What you have to do:
Copy out all lines from the material that contain the string "panel".

Provided data:
>>

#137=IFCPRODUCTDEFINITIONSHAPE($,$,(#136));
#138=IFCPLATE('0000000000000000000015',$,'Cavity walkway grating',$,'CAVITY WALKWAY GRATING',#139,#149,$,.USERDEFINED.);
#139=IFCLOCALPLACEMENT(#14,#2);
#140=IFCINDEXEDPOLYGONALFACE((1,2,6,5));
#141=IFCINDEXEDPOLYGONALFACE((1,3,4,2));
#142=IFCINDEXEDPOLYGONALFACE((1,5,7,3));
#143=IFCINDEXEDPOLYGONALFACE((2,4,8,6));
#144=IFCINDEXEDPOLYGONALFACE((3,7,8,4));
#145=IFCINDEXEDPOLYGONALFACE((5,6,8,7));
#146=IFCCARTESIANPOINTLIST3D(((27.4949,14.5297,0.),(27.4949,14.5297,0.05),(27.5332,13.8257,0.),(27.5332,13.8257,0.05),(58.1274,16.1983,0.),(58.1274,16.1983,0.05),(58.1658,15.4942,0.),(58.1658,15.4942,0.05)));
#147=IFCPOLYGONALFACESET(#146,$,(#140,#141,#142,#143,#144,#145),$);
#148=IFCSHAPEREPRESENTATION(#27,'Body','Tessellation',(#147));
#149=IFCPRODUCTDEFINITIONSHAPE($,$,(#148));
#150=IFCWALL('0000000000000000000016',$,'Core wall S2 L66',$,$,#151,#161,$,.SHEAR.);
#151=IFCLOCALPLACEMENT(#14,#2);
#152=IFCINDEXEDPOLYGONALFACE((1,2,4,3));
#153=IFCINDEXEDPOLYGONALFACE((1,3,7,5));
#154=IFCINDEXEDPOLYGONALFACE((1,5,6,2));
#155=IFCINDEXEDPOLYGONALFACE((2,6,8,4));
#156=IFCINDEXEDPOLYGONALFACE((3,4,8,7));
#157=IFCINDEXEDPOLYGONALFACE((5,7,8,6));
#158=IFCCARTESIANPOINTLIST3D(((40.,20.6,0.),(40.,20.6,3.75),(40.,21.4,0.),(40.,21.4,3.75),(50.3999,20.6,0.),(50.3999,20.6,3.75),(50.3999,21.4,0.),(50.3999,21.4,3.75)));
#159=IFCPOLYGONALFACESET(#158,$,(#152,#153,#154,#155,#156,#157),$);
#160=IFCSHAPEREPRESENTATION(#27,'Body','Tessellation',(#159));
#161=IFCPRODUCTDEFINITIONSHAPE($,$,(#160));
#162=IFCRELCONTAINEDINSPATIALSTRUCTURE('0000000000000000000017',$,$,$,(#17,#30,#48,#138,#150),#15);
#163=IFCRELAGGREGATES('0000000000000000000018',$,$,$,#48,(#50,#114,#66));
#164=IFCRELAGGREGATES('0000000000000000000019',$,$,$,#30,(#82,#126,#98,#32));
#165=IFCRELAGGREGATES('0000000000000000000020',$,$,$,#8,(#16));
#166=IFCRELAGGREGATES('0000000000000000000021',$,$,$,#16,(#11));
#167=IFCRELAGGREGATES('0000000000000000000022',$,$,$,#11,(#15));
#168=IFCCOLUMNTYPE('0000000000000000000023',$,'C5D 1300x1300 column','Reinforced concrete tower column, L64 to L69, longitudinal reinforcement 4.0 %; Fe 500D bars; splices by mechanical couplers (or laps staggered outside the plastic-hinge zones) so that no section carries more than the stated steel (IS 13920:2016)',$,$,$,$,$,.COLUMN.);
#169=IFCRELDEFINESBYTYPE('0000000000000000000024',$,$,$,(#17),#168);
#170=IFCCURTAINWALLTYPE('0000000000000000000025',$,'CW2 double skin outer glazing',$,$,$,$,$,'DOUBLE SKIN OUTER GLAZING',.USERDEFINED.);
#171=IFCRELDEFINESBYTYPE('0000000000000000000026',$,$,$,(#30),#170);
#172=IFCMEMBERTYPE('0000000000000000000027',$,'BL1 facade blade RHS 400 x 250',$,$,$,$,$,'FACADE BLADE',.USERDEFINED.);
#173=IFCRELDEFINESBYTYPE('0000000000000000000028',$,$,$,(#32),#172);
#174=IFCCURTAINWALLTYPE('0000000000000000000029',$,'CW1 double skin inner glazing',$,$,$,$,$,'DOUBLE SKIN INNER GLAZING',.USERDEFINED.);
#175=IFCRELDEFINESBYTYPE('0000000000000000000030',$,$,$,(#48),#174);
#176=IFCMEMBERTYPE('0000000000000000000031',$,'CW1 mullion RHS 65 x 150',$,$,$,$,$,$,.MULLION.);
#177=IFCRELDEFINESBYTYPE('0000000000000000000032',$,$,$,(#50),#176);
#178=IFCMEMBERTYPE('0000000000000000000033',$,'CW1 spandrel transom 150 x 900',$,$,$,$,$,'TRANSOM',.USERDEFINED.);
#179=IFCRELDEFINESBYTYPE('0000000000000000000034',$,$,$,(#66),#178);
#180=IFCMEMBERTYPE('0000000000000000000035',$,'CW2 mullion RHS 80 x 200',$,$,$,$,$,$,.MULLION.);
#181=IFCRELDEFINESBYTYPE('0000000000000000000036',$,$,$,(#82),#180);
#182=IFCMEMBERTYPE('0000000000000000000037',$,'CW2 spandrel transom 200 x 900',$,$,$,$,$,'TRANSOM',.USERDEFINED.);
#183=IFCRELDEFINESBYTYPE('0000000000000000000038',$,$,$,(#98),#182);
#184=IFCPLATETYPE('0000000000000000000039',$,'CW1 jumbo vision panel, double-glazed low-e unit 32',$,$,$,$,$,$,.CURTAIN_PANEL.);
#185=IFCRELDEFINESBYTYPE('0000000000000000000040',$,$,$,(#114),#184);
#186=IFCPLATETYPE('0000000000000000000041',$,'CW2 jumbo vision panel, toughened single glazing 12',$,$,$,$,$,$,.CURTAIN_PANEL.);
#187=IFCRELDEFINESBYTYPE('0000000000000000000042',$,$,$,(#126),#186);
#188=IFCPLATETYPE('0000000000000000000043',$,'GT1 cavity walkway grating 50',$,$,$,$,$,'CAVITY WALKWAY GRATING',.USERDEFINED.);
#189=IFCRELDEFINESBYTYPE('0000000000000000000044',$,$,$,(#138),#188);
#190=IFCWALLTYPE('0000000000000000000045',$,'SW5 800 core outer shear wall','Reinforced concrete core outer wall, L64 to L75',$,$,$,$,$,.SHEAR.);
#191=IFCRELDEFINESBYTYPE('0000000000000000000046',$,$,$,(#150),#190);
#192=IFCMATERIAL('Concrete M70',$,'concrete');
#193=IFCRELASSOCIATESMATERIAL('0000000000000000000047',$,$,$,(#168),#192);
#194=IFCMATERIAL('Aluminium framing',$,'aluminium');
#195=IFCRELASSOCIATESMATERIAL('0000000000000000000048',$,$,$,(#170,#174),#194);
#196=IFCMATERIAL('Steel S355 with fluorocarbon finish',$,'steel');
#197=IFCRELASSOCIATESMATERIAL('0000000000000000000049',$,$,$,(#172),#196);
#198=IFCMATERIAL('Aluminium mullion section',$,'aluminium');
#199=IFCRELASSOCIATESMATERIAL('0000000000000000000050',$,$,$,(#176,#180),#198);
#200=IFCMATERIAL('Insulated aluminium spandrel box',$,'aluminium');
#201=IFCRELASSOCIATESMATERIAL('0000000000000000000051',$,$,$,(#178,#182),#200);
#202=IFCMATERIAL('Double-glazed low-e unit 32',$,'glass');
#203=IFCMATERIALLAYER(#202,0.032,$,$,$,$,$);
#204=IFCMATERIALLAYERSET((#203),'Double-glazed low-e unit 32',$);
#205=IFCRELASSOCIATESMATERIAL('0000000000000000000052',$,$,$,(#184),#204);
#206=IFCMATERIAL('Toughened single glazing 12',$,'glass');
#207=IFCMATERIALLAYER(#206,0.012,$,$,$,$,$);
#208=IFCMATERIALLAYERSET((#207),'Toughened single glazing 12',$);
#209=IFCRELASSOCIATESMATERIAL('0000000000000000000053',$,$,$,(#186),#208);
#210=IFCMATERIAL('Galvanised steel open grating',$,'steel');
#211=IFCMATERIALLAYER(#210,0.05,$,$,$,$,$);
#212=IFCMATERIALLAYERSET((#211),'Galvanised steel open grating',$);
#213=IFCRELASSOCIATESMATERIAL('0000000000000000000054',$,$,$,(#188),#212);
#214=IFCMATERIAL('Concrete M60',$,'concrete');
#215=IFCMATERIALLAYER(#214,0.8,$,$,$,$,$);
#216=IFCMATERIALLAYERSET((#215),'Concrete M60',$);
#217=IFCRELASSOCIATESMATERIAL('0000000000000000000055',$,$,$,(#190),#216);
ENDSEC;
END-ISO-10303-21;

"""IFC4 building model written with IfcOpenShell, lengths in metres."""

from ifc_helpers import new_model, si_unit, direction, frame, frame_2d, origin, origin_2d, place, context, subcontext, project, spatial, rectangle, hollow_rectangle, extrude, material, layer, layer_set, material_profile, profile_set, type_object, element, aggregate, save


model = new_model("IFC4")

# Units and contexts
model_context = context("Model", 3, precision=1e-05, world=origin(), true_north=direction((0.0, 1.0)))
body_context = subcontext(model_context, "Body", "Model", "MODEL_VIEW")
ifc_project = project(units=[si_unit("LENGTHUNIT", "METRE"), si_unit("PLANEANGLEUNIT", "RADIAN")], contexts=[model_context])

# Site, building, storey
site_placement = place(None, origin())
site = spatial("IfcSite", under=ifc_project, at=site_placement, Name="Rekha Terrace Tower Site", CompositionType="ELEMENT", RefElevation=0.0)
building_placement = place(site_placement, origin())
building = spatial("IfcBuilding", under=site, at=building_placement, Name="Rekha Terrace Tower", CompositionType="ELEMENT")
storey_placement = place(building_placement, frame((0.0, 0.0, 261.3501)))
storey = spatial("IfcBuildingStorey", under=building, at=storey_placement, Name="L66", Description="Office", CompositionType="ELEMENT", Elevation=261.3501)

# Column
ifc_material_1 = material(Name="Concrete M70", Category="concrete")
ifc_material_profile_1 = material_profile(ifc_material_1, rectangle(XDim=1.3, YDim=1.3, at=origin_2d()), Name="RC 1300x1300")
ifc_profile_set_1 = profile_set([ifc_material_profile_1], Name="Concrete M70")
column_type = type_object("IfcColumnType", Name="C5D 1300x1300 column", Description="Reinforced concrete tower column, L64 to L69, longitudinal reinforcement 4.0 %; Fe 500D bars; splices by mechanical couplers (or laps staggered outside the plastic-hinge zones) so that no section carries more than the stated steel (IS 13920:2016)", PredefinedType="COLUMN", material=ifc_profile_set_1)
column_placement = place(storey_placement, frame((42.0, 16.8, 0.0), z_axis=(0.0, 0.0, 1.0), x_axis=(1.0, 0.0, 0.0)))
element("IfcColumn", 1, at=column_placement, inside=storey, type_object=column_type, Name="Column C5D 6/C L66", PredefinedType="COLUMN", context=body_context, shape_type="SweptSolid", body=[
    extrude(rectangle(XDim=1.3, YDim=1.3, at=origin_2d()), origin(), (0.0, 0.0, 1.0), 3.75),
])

<<

Task answer:
#184=IFCPLATETYPE('0000000000000000000039',$,'CW1 jumbo vision panel, double-glazed low-e unit 32',$,$,$,$,$,$,.CURTAIN_PANEL.);
#186=IFCPLATETYPE('0000000000000000000041',$,'CW2 jumbo vision panel, toughened single glazing 12',$,$,$,$,$,$,.CURTAIN_PANEL.);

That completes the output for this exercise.